**TASK STATEMENT**
The required output is the lines below from the line containing "for by, libraries" to the line containing "world=origin(), true_north=direction((0.0, 1.0)))", inclusive, retyped exactly. No other lines belong in it.

*** Begin section ***

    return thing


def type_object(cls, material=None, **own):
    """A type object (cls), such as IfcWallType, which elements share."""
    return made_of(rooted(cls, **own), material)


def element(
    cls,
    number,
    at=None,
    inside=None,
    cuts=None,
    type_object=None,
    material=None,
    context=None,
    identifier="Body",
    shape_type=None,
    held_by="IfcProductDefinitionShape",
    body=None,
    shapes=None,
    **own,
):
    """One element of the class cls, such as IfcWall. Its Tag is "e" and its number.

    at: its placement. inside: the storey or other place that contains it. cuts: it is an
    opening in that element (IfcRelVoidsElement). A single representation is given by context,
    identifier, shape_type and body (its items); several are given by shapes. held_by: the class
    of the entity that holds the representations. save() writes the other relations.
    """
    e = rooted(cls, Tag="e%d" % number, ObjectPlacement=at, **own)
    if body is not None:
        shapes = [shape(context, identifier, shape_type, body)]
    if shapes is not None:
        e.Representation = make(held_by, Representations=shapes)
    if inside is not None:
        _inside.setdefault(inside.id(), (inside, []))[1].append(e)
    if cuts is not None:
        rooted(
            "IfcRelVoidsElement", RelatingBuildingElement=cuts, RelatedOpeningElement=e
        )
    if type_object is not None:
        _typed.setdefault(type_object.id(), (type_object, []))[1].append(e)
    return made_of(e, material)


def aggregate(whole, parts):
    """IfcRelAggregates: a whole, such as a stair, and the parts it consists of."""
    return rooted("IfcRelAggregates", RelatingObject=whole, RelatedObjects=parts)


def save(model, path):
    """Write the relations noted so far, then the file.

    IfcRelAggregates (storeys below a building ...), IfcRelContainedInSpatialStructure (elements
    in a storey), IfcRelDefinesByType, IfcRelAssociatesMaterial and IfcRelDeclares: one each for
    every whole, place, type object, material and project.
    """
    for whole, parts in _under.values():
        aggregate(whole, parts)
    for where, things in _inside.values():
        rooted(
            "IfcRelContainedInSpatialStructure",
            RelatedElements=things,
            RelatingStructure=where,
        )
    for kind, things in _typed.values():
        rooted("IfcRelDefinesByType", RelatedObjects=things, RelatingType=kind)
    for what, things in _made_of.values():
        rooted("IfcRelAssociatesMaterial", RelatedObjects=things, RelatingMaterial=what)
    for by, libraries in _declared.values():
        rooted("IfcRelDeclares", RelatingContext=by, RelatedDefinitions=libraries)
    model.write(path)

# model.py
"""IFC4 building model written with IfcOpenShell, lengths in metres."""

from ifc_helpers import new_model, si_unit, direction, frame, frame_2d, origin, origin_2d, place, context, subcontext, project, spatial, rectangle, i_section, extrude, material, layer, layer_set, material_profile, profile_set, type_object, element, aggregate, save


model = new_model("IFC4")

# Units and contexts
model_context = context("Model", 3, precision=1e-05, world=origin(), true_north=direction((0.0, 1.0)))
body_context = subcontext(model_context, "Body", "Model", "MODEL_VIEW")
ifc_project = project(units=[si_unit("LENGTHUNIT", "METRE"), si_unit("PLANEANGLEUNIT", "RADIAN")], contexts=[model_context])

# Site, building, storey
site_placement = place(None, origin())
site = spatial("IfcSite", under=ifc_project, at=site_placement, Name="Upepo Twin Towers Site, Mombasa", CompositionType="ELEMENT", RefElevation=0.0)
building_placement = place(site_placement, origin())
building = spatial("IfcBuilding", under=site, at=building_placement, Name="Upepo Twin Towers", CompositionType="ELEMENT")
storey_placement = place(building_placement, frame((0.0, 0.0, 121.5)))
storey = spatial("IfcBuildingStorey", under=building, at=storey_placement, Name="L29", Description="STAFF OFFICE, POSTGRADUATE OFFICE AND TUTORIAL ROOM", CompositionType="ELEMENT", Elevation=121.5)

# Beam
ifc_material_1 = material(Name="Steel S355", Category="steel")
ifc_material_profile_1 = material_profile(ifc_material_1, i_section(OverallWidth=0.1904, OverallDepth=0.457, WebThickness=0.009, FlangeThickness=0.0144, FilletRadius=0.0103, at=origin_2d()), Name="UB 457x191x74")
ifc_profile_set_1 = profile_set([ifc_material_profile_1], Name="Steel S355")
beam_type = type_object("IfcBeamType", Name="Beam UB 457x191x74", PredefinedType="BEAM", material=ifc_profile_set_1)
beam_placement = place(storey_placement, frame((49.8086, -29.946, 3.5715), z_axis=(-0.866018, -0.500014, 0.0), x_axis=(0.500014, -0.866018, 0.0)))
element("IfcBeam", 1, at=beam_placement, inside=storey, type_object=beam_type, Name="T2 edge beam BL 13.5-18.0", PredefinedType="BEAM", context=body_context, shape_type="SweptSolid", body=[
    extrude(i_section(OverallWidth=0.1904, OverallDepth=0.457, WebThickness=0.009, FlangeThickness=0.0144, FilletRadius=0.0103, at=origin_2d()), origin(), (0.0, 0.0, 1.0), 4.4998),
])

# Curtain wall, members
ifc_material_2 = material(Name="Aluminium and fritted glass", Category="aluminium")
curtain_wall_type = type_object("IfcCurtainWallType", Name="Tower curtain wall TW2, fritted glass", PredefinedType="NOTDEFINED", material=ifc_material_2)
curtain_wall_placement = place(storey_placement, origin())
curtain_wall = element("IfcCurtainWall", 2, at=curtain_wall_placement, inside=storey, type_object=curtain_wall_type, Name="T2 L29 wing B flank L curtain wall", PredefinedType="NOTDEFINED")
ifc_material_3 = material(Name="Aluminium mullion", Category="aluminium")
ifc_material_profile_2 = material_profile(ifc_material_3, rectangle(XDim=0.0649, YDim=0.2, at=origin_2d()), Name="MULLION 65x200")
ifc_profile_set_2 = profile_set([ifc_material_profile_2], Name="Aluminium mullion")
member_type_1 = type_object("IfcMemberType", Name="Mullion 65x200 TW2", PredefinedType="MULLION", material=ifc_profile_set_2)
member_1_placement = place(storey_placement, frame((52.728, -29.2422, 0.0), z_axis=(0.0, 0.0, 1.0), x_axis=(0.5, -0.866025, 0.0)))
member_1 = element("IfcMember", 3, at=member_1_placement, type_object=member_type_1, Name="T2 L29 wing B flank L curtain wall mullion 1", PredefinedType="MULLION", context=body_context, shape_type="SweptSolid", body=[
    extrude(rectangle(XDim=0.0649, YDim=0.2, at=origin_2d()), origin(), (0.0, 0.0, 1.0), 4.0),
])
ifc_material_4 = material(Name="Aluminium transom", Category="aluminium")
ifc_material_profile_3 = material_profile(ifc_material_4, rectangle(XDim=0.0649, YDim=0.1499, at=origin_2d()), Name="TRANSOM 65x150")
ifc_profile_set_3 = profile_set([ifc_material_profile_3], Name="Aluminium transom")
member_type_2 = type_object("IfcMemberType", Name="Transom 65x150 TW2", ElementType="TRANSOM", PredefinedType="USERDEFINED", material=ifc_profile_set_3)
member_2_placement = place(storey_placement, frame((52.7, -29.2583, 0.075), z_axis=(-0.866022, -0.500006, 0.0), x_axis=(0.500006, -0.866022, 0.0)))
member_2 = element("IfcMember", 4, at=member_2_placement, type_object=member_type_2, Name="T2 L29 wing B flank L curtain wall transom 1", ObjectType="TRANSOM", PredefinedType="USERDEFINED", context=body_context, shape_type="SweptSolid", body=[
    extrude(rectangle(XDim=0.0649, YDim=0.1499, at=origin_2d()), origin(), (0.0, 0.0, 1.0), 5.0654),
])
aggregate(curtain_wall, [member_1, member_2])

*** End section ***

**RESPONSE FOR THIS EXERCISE**
    for by, libraries in _declared.values():
        rooted("IfcRelDeclares", RelatingContext=by, RelatedDefinitions=libraries)
    model.write(path)

# model.py
"""IFC4 building model written with IfcOpenShell, lengths in metres."""

from ifc_helpers import new_model, si_unit, direction, frame, frame_2d, origin, origin_2d, place, context, subcontext, project, spatial, rectangle, i_section, extrude, material, layer, layer_set, material_profile, profile_set, type_object, element, aggregate, save


model = new_model("IFC4")

# Units and contexts
model_context = context("Model", 3, precision=1e-05, world=origin(), true_north=direction((0.0, 1.0)))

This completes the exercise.